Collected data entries
****************************************
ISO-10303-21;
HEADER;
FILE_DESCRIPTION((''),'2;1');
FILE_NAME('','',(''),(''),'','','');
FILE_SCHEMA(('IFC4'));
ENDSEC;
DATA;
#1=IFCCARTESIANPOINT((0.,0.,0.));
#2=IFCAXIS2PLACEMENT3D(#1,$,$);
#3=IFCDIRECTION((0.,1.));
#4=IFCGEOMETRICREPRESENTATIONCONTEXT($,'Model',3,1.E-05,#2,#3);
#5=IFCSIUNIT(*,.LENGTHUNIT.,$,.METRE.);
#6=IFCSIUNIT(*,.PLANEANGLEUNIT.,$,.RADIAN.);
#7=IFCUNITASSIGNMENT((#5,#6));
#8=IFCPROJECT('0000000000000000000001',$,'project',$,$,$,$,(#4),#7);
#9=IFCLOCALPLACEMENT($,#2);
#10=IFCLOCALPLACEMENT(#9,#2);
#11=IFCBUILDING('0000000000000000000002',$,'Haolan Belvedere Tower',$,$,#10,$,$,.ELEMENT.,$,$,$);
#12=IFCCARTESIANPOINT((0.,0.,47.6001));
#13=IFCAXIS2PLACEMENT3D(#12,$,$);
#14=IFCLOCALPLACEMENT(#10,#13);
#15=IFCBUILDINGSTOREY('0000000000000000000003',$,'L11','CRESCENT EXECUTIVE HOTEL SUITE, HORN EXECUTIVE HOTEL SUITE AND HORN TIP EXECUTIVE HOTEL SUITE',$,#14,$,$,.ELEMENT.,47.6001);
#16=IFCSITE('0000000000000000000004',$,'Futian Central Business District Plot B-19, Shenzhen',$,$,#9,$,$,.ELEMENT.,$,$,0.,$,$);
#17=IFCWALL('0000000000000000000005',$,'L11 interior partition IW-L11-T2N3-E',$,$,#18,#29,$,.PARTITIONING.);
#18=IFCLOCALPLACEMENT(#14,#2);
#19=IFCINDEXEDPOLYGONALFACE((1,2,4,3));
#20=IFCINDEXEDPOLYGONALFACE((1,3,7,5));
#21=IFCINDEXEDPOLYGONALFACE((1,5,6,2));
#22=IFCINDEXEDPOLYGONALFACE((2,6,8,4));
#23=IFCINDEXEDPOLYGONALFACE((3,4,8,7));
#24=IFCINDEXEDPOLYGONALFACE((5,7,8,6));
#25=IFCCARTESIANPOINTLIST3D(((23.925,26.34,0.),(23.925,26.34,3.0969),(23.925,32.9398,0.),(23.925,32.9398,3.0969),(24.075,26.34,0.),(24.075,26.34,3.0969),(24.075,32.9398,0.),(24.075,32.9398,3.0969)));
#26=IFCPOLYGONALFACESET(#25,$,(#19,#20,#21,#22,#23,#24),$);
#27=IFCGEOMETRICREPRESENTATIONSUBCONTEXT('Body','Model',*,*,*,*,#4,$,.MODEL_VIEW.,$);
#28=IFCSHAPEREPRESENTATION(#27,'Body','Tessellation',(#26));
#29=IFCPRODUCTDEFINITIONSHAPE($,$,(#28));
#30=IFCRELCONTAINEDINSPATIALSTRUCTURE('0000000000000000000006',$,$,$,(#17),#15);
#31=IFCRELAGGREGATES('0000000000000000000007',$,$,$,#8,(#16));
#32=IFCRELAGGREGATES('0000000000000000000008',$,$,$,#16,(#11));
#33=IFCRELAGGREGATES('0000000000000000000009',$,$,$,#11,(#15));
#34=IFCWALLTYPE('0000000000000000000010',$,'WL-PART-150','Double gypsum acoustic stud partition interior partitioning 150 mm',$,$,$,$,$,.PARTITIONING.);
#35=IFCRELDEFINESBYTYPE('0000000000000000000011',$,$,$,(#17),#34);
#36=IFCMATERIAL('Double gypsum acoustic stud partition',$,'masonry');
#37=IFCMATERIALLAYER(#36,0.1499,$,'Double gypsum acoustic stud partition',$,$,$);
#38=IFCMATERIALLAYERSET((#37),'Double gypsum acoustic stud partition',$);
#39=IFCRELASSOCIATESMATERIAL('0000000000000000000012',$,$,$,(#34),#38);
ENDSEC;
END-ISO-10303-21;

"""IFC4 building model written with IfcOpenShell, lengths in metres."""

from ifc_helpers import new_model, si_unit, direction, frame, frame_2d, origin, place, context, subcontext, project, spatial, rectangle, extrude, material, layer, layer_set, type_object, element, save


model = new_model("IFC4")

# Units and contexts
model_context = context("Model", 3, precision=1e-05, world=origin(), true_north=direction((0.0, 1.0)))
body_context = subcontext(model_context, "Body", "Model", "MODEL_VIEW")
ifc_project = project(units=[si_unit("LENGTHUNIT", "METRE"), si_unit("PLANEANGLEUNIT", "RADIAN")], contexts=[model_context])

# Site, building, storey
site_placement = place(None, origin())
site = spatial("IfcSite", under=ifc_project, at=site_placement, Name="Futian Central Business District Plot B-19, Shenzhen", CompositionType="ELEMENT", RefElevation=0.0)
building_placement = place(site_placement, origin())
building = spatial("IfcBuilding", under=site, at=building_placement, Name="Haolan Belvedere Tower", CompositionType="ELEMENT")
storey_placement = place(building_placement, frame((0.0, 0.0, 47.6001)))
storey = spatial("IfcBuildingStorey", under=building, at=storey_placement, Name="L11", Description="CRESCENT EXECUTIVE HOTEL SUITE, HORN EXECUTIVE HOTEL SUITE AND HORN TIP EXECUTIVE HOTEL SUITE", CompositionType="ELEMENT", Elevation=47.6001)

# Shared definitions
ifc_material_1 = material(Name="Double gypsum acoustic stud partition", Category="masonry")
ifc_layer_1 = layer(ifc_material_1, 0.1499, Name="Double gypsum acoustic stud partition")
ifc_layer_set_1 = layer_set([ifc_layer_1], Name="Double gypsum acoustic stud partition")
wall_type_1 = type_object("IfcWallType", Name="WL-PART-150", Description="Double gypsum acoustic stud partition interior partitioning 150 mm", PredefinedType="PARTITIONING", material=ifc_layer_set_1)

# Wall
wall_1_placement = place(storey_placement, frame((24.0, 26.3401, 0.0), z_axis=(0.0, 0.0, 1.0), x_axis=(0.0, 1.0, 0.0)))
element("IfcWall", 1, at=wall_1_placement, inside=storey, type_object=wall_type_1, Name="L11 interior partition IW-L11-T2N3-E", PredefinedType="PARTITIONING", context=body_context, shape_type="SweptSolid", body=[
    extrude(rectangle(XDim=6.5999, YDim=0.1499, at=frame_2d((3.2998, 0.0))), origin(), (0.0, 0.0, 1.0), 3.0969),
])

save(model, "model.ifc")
****************************************
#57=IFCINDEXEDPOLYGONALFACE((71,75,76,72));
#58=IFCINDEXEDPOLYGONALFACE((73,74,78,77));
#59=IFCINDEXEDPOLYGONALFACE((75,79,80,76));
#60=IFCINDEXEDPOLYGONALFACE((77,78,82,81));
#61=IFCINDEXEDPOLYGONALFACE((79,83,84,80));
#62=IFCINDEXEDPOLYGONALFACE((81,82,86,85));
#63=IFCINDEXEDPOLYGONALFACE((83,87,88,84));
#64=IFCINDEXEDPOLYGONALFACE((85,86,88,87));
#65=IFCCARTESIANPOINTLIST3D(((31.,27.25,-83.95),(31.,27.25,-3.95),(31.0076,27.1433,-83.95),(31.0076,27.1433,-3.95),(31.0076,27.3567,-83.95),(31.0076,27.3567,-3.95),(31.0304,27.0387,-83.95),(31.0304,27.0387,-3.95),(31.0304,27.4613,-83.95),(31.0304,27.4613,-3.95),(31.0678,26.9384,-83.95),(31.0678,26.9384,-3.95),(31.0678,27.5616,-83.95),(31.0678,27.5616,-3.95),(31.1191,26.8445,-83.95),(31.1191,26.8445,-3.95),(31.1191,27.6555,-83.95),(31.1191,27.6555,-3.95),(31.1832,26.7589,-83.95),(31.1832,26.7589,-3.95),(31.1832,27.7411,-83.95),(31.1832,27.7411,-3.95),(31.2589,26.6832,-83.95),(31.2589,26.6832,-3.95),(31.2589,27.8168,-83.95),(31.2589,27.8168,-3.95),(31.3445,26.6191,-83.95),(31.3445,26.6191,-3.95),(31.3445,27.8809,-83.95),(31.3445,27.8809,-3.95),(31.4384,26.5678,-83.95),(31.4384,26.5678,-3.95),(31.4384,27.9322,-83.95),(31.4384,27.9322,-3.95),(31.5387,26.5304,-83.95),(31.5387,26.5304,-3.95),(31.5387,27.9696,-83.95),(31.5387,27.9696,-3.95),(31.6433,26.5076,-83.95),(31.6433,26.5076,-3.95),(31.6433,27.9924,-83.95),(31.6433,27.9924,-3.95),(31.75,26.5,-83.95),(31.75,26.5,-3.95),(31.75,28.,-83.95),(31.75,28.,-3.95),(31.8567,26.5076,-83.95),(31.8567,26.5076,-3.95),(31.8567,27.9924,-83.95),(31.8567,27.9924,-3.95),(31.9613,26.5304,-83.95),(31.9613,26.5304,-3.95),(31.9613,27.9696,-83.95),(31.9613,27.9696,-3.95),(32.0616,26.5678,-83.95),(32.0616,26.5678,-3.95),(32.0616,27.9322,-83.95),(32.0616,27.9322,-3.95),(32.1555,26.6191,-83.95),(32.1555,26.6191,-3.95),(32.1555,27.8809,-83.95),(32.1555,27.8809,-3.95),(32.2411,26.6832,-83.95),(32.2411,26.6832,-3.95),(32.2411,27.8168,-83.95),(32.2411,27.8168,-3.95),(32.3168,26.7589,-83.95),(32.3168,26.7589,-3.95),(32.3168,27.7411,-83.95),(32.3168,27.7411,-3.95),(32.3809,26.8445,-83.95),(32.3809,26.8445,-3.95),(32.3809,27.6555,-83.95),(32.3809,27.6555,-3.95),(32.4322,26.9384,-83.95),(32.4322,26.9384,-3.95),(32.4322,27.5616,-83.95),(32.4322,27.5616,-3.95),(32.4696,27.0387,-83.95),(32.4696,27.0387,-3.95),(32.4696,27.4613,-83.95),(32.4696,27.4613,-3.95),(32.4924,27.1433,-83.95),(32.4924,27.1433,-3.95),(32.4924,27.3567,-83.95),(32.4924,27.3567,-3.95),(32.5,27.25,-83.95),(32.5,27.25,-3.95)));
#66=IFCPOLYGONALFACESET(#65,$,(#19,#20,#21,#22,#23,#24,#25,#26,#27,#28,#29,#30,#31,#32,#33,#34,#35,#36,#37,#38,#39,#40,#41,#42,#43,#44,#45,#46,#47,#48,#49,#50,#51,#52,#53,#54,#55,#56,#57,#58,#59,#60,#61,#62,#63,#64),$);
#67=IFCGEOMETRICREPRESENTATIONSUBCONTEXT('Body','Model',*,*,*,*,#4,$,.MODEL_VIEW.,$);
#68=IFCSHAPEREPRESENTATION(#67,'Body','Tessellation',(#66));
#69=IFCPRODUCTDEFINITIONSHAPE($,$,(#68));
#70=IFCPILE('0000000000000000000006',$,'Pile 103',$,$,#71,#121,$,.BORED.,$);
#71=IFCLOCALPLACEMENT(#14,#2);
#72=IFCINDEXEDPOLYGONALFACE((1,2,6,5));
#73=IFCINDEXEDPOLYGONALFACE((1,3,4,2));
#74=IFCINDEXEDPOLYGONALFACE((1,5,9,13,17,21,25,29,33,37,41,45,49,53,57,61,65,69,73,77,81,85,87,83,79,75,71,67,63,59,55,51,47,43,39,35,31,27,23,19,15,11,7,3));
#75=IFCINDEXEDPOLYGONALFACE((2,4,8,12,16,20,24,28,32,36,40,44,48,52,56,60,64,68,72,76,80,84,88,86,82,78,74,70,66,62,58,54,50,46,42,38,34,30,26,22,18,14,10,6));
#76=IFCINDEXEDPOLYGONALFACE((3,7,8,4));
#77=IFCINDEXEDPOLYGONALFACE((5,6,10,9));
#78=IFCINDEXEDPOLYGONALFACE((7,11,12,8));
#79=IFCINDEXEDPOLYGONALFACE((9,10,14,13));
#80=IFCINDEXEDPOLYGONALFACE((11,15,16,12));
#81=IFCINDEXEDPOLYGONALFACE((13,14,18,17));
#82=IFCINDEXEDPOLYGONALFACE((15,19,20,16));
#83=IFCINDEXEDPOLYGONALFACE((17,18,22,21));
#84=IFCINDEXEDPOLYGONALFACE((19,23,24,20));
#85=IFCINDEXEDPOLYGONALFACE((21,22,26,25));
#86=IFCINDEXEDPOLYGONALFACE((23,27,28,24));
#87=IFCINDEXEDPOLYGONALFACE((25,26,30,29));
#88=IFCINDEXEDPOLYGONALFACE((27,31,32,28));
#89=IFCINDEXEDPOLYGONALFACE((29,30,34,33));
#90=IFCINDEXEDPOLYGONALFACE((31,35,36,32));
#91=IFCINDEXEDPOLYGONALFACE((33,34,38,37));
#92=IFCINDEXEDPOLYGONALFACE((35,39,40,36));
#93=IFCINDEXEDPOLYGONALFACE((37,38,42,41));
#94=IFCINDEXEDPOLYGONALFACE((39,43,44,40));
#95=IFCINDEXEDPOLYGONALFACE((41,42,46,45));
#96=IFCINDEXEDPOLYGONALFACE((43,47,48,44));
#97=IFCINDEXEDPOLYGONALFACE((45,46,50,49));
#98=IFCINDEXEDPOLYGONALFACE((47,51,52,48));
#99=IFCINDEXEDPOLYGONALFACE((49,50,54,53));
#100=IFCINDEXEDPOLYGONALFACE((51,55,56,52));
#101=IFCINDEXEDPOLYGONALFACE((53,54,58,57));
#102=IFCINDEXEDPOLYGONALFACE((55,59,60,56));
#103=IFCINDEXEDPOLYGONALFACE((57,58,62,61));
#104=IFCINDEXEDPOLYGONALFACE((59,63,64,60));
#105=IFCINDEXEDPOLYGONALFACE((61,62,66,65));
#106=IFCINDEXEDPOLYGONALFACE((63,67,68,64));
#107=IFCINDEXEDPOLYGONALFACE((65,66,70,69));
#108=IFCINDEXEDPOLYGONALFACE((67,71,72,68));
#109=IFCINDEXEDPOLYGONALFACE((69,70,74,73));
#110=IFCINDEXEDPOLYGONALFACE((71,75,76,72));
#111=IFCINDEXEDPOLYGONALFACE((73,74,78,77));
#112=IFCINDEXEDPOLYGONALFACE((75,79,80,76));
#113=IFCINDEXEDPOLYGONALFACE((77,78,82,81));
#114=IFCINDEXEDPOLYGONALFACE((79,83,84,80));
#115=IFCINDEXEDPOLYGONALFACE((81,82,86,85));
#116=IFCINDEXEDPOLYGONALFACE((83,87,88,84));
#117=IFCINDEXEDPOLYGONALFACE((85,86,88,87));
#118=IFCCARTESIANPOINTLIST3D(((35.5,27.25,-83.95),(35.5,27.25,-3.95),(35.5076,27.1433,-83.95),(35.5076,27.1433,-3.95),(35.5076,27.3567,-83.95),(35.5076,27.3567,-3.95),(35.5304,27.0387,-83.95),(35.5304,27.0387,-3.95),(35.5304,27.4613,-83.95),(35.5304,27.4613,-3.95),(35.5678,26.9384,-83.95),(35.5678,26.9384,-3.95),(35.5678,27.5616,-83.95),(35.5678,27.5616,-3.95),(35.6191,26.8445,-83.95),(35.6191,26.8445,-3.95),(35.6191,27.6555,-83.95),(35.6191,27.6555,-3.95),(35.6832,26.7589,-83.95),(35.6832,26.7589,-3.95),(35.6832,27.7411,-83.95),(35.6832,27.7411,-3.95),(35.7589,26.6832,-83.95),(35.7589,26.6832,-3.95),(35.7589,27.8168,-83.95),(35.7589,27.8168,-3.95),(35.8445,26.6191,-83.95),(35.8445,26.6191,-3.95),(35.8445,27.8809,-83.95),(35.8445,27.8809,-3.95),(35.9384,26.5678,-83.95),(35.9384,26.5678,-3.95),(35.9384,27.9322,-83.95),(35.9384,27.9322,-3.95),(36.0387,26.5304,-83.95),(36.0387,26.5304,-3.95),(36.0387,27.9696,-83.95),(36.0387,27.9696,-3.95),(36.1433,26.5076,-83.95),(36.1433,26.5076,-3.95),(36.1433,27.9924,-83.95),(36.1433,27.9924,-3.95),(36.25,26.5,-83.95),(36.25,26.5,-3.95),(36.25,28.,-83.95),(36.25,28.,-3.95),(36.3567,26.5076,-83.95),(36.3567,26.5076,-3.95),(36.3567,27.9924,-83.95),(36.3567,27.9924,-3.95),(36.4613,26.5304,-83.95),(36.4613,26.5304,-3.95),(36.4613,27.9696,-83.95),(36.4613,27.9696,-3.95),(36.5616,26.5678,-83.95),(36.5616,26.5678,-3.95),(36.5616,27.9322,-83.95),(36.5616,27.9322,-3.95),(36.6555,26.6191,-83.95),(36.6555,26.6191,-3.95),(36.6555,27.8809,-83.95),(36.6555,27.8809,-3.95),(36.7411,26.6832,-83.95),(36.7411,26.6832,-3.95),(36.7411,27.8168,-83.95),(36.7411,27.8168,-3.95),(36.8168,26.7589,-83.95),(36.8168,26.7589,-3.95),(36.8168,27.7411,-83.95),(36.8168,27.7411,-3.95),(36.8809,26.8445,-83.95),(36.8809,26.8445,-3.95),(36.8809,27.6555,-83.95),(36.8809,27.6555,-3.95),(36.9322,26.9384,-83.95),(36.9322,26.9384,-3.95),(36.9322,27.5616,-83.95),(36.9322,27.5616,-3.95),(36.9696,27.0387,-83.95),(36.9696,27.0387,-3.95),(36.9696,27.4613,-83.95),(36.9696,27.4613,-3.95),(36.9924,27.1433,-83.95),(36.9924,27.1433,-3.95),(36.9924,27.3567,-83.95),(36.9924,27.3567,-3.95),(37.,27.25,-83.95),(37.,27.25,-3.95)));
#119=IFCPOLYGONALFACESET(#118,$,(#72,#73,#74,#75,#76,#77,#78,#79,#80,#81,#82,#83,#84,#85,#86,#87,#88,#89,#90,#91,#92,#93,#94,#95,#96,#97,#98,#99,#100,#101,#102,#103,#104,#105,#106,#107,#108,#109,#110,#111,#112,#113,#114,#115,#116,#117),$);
****************************************
Problem = Scan the entries above and return each line that holds "Tessellation".

The answer =
#28=IFCSHAPEREPRESENTATION(#27,'Body','Tessellation',(#26));
#68=IFCSHAPEREPRESENTATION(#67,'Body','Tessellation',(#66));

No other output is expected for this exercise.